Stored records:
============================================================
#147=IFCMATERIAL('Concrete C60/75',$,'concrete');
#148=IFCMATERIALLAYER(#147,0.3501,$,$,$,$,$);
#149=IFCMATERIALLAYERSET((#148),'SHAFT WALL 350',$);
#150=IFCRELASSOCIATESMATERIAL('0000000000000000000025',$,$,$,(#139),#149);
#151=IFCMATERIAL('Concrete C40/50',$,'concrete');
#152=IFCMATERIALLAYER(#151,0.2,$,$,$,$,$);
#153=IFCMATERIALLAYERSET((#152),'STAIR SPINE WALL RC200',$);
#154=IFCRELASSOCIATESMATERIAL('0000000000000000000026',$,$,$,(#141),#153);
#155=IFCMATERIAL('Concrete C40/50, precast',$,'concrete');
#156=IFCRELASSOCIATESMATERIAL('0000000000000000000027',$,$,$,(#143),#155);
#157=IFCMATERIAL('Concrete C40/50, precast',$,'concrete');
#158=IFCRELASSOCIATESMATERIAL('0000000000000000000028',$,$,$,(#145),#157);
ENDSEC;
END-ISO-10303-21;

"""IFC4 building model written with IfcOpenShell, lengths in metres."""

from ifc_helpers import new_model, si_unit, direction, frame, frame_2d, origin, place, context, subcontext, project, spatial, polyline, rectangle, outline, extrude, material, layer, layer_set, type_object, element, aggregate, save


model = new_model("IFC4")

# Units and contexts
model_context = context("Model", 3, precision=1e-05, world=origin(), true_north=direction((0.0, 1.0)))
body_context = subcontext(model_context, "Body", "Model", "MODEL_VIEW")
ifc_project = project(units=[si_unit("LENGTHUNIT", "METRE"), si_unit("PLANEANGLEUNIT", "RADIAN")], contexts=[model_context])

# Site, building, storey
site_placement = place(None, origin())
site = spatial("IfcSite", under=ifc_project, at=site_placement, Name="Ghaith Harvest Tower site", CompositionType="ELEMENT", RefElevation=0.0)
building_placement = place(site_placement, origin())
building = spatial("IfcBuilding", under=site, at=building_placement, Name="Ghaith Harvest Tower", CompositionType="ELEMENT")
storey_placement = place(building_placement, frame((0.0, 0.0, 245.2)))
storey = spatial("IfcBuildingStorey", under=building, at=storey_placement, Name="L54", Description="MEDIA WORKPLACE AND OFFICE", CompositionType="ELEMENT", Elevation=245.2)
============================================================
◆ **DESCRIPTION OF THE TASK**:
Copy all lines of the records that have the string "IFCMATERIALLAYERSET" in them.

◆ **EXERCISE RESULT**:
#149=IFCMATERIALLAYERSET((#148),'SHAFT WALL 350',$);
#153=IFCMATERIALLAYERSET((#152),'STAIR SPINE WALL RC200',$);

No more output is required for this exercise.